## Action item
This exercise calls for every line of the data below with the string "panel" in it.

## Task material
******
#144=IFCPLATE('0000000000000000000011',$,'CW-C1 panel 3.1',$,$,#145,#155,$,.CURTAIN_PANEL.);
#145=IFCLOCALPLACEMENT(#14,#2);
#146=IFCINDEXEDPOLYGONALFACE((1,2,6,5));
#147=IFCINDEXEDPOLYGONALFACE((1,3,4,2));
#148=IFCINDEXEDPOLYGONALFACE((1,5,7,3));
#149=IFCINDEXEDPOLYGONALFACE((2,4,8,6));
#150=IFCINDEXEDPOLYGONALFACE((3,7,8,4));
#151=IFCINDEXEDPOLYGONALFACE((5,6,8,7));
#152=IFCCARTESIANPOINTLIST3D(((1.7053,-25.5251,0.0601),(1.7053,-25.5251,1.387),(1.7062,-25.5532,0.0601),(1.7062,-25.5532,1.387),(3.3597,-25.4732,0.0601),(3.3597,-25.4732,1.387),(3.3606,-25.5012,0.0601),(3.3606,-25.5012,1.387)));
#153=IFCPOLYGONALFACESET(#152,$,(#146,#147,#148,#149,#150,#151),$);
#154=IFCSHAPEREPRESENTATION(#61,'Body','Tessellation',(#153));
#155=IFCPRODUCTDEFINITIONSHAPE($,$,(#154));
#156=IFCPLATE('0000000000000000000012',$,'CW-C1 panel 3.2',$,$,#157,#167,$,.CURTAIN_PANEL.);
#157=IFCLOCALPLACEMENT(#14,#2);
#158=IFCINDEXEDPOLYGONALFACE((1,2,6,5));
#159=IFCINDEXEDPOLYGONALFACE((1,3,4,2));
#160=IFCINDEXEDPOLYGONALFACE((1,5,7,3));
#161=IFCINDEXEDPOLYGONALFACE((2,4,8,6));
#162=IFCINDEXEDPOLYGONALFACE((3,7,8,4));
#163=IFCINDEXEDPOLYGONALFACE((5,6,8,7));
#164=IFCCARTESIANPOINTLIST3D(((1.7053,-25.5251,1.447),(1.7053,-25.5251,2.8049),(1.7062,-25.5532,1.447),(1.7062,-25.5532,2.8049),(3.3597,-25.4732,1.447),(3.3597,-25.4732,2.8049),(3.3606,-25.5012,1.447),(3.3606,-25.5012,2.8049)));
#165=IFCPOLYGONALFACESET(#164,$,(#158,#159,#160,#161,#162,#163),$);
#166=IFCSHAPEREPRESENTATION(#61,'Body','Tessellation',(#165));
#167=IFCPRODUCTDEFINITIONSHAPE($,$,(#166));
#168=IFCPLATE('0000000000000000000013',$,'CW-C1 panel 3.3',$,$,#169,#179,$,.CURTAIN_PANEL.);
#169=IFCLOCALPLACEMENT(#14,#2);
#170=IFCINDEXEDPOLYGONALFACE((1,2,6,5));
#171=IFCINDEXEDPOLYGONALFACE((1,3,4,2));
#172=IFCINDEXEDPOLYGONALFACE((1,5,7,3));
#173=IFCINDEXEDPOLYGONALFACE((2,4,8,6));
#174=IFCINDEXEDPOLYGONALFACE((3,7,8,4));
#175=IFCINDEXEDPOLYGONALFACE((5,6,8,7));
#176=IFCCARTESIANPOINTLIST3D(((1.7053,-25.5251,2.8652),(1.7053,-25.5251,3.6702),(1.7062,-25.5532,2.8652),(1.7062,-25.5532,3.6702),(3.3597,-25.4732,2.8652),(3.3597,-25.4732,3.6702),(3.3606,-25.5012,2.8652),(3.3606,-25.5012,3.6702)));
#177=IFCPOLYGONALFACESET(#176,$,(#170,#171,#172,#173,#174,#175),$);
******
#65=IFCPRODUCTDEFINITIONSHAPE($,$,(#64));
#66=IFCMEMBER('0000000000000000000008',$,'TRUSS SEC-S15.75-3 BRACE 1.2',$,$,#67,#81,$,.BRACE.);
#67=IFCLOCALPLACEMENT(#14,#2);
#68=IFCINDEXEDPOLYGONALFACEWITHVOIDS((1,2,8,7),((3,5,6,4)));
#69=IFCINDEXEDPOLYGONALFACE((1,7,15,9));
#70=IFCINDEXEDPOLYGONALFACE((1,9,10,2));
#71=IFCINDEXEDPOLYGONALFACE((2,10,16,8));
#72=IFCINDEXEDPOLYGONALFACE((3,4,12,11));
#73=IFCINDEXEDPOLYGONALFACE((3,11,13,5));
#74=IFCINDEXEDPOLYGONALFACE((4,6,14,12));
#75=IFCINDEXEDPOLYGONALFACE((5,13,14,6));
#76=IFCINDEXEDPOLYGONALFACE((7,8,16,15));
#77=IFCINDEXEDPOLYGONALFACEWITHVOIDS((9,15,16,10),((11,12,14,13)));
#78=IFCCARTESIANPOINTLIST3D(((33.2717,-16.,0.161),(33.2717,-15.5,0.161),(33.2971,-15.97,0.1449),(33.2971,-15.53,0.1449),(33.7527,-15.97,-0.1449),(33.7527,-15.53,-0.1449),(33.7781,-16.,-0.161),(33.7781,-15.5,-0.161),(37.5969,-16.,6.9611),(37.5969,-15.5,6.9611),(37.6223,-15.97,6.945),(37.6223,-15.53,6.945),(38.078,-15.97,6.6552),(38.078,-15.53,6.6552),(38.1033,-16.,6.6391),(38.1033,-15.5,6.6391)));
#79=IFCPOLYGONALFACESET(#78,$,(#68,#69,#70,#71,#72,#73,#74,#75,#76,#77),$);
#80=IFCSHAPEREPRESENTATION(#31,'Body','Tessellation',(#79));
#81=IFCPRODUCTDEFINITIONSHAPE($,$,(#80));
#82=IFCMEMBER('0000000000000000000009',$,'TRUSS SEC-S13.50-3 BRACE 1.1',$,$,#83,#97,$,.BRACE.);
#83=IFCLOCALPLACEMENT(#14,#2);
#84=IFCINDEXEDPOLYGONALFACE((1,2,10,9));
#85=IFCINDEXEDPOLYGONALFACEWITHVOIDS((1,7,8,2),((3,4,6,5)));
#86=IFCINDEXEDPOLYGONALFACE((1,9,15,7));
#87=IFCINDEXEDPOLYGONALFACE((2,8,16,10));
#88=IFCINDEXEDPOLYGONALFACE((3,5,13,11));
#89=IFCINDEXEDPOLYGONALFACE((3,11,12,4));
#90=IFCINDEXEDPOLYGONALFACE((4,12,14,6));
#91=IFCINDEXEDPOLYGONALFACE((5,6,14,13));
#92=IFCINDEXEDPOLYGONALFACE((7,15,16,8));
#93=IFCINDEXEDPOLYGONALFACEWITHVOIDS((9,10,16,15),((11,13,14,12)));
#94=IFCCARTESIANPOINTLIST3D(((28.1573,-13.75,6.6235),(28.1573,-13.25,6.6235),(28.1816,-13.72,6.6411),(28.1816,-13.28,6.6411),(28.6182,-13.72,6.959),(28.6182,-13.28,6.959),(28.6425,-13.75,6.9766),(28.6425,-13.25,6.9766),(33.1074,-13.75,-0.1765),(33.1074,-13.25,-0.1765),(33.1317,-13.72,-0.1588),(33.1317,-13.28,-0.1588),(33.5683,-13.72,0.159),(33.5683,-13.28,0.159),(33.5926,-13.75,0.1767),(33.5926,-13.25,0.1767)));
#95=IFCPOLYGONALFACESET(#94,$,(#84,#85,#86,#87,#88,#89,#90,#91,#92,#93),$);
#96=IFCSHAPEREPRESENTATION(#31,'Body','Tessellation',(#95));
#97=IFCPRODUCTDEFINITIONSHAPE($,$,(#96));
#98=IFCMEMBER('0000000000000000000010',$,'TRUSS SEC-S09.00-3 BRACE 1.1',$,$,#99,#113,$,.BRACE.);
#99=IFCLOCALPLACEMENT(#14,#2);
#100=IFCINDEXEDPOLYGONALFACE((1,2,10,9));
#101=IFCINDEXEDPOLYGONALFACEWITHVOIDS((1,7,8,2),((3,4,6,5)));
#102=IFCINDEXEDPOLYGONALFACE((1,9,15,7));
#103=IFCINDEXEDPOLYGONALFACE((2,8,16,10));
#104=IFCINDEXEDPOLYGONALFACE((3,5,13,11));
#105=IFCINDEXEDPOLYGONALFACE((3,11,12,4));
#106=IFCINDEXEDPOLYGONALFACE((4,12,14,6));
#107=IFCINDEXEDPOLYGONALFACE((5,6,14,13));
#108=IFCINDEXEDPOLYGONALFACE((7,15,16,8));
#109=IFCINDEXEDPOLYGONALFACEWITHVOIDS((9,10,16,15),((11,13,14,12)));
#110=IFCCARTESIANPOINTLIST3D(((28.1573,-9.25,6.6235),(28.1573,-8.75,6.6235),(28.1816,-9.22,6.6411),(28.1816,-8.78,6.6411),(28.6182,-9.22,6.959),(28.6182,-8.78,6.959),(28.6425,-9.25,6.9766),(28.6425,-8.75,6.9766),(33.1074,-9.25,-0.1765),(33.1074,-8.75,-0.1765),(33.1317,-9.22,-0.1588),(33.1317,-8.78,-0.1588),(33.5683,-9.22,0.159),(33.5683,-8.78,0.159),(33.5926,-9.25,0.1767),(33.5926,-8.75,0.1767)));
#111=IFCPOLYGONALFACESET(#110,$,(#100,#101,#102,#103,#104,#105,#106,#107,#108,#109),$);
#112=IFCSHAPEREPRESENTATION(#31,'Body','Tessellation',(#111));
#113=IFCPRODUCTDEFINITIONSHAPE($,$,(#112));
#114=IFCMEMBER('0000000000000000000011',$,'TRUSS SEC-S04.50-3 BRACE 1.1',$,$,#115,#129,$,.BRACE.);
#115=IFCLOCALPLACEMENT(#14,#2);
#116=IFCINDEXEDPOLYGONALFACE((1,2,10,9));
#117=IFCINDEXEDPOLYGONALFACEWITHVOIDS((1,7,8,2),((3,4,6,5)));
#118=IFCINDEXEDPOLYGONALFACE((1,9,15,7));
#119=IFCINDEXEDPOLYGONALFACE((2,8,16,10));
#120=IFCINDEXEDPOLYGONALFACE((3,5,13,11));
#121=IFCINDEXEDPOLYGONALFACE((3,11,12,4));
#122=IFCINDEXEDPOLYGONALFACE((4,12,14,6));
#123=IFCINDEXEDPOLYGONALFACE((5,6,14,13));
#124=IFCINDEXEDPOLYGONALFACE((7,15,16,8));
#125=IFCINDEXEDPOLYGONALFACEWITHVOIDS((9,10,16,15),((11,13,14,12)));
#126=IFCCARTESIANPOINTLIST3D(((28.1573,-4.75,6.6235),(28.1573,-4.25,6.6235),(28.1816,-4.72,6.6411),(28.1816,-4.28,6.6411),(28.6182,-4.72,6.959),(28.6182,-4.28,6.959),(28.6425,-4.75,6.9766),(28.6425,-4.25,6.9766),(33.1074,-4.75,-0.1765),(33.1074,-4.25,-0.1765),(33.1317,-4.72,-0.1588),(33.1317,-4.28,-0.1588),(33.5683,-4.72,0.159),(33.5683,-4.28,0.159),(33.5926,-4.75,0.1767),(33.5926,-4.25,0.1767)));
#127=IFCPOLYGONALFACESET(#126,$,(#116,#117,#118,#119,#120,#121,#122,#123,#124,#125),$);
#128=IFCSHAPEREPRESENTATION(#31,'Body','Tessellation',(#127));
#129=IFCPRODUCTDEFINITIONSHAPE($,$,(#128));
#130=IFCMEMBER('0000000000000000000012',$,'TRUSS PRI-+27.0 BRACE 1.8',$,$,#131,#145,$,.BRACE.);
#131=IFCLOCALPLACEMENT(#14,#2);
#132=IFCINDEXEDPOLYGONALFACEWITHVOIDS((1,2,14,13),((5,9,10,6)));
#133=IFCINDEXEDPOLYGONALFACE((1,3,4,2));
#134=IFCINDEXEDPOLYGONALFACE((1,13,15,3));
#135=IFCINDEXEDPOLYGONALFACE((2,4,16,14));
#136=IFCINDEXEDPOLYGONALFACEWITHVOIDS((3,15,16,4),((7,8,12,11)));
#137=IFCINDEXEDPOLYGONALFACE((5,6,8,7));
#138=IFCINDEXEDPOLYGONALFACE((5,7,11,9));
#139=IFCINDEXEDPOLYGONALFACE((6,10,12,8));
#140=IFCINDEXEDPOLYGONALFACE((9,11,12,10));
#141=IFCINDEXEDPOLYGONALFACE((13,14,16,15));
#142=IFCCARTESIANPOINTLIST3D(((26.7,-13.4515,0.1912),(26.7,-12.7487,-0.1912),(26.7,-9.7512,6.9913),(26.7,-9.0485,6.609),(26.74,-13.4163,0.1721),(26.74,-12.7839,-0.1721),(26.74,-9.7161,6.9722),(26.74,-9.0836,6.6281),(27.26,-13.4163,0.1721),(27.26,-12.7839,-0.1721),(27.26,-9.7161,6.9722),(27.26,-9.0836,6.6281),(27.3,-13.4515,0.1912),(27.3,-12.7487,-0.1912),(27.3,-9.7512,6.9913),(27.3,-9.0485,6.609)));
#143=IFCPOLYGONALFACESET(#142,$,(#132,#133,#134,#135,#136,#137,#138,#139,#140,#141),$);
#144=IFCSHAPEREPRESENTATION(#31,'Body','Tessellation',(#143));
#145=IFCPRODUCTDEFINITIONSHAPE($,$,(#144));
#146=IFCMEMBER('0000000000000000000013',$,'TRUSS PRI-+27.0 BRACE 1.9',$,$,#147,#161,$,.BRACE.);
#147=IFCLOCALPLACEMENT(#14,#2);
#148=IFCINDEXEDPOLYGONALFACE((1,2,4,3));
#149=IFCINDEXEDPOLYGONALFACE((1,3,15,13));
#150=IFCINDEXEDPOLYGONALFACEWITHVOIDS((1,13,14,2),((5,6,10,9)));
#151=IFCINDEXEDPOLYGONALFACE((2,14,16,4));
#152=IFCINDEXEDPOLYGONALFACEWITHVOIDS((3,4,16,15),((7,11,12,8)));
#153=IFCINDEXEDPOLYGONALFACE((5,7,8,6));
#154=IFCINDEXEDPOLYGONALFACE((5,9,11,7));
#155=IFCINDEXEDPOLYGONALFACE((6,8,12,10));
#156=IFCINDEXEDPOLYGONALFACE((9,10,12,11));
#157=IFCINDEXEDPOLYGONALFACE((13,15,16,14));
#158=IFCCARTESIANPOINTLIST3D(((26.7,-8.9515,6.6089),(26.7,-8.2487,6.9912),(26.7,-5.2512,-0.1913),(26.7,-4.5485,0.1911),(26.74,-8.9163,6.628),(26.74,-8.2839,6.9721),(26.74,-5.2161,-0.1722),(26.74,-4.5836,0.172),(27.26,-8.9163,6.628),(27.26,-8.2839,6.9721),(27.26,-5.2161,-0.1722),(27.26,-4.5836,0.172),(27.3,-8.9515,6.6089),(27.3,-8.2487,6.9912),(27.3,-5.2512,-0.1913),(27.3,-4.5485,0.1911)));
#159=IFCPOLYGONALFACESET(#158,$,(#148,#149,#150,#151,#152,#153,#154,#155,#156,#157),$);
******
## Response to the task
#144=IFCPLATE('0000000000000000000011',$,'CW-C1 panel 3.1',$,$,#145,#155,$,.CURTAIN_PANEL.);
#156=IFCPLATE('0000000000000000000012',$,'CW-C1 panel 3.2',$,$,#157,#167,$,.CURTAIN_PANEL.);
#168=IFCPLATE('0000000000000000000013',$,'CW-C1 panel 3.3',$,$,#169,#179,$,.CURTAIN_PANEL.);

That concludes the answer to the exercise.